Give every line of the records exactly, please, from the first up to and including the one containing "#153=IFCINDEXEDPOLYGONALFACE((5,7,8,6));".

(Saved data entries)
══════════
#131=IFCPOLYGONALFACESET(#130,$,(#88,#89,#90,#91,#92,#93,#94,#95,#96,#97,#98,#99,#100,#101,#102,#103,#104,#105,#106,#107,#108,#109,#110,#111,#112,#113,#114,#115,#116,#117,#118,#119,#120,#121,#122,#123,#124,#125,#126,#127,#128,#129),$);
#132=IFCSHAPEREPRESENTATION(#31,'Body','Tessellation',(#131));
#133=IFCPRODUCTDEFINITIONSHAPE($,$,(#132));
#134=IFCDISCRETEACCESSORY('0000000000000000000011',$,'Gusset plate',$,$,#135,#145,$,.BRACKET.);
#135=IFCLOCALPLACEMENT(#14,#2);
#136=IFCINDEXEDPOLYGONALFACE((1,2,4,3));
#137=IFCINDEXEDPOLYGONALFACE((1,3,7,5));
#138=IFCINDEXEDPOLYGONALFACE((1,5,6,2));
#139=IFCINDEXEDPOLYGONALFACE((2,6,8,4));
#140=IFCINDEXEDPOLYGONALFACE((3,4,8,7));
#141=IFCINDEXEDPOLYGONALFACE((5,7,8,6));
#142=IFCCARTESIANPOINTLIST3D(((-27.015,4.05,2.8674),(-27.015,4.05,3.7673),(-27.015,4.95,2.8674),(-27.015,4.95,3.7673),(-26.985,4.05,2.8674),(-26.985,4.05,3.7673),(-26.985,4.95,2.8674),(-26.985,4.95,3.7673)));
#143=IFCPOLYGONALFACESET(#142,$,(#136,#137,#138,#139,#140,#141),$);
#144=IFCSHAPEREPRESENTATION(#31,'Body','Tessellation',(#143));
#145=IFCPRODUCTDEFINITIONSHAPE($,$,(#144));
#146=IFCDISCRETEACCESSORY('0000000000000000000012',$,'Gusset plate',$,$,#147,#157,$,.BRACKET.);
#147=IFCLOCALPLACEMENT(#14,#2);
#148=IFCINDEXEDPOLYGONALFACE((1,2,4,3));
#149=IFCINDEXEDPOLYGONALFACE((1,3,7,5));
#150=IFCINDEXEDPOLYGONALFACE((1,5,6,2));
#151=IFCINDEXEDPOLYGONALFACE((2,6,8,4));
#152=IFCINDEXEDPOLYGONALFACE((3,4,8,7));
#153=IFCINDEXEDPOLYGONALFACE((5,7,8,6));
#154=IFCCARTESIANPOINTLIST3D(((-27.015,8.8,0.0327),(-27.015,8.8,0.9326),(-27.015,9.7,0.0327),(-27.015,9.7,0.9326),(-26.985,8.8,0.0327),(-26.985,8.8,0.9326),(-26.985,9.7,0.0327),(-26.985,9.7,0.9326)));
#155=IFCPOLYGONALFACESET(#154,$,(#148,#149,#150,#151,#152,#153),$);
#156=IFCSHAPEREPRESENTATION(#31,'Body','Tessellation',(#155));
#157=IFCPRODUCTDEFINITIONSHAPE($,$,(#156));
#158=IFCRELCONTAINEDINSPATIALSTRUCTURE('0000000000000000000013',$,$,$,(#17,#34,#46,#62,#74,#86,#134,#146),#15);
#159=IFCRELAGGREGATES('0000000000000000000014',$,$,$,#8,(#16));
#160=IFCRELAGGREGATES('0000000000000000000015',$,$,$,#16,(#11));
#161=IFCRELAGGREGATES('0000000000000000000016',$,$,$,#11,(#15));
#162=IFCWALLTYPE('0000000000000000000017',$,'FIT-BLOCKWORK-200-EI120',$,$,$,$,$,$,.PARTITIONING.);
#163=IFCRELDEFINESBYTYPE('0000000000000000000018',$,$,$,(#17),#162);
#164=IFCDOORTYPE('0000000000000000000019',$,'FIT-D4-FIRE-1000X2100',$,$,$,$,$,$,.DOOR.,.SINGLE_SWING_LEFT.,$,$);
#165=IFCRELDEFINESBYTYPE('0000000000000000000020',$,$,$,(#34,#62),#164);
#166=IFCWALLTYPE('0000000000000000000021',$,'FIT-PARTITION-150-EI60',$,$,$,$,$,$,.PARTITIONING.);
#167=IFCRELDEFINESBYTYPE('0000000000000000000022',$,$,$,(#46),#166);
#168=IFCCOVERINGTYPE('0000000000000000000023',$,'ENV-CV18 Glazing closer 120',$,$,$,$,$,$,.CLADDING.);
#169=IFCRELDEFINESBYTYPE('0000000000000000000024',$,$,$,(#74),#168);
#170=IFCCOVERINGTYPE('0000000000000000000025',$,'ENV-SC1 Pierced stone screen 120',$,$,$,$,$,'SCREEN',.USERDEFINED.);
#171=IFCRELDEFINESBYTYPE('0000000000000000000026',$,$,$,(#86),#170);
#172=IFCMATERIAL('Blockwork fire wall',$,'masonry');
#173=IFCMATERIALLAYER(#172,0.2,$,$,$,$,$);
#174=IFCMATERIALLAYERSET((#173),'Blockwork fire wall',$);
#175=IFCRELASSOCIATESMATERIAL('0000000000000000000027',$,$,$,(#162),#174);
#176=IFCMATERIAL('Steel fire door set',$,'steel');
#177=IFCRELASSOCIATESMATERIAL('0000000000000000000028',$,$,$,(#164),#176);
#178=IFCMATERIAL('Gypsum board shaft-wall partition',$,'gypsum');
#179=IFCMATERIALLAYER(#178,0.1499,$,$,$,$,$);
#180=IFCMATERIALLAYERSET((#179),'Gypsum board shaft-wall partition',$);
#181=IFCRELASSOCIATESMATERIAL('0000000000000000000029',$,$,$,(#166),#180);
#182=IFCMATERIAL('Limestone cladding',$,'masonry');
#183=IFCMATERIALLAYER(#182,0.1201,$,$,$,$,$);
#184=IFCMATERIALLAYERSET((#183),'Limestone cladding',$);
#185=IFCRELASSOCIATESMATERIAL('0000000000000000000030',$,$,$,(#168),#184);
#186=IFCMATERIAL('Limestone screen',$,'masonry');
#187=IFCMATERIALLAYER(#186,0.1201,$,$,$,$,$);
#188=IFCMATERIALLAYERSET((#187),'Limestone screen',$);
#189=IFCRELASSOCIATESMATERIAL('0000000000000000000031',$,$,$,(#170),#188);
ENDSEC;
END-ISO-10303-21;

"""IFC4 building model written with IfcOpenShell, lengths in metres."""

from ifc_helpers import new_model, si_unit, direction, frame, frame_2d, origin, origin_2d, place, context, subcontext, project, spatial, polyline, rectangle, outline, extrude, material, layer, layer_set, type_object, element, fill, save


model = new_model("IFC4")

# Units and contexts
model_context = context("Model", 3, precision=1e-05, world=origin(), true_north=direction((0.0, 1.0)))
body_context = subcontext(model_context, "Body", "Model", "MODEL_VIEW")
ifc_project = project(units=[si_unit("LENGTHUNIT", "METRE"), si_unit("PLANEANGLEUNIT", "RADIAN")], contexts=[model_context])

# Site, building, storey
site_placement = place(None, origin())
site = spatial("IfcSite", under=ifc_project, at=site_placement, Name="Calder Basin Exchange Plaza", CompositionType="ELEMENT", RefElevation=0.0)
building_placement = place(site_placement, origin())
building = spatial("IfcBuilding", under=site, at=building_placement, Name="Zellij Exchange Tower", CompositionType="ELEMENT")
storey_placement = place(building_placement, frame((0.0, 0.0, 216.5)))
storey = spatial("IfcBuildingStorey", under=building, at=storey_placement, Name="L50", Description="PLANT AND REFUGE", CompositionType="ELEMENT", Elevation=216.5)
══════════
◆ WRITTEN REPLY:
#131=IFCPOLYGONALFACESET(#130,$,(#88,#89,#90,#91,#92,#93,#94,#95,#96,#97,#98,#99,#100,#101,#102,#103,#104,#105,#106,#107,#108,#109,#110,#111,#112,#113,#114,#115,#116,#117,#118,#119,#120,#121,#122,#123,#124,#125,#126,#127,#128,#129),$);
#132=IFCSHAPEREPRESENTATION(#31,'Body','Tessellation',(#131));
#133=IFCPRODUCTDEFINITIONSHAPE($,$,(#132));
#134=IFCDISCRETEACCESSORY('0000000000000000000011',$,'Gusset plate',$,$,#135,#145,$,.BRACKET.);
#135=IFCLOCALPLACEMENT(#14,#2);
#136=IFCINDEXEDPOLYGONALFACE((1,2,4,3));
#137=IFCINDEXEDPOLYGONALFACE((1,3,7,5));
#138=IFCINDEXEDPOLYGONALFACE((1,5,6,2));
#139=IFCINDEXEDPOLYGONALFACE((2,6,8,4));
#140=IFCINDEXEDPOLYGONALFACE((3,4,8,7));
#141=IFCINDEXEDPOLYGONALFACE((5,7,8,6));
#142=IFCCARTESIANPOINTLIST3D(((-27.015,4.05,2.8674),(-27.015,4.05,3.7673),(-27.015,4.95,2.8674),(-27.015,4.95,3.7673),(-26.985,4.05,2.8674),(-26.985,4.05,3.7673),(-26.985,4.95,2.8674),(-26.985,4.95,3.7673)));
#143=IFCPOLYGONALFACESET(#142,$,(#136,#137,#138,#139,#140,#141),$);
#144=IFCSHAPEREPRESENTATION(#31,'Body','Tessellation',(#143));
#145=IFCPRODUCTDEFINITIONSHAPE($,$,(#144));
#146=IFCDISCRETEACCESSORY('0000000000000000000012',$,'Gusset plate',$,$,#147,#157,$,.BRACKET.);
#147=IFCLOCALPLACEMENT(#14,#2);
#148=IFCINDEXEDPOLYGONALFACE((1,2,4,3));
#149=IFCINDEXEDPOLYGONALFACE((1,3,7,5));
#150=IFCINDEXEDPOLYGONALFACE((1,5,6,2));
#151=IFCINDEXEDPOLYGONALFACE((2,6,8,4));
#152=IFCINDEXEDPOLYGONALFACE((3,4,8,7));
#153=IFCINDEXEDPOLYGONALFACE((5,7,8,6));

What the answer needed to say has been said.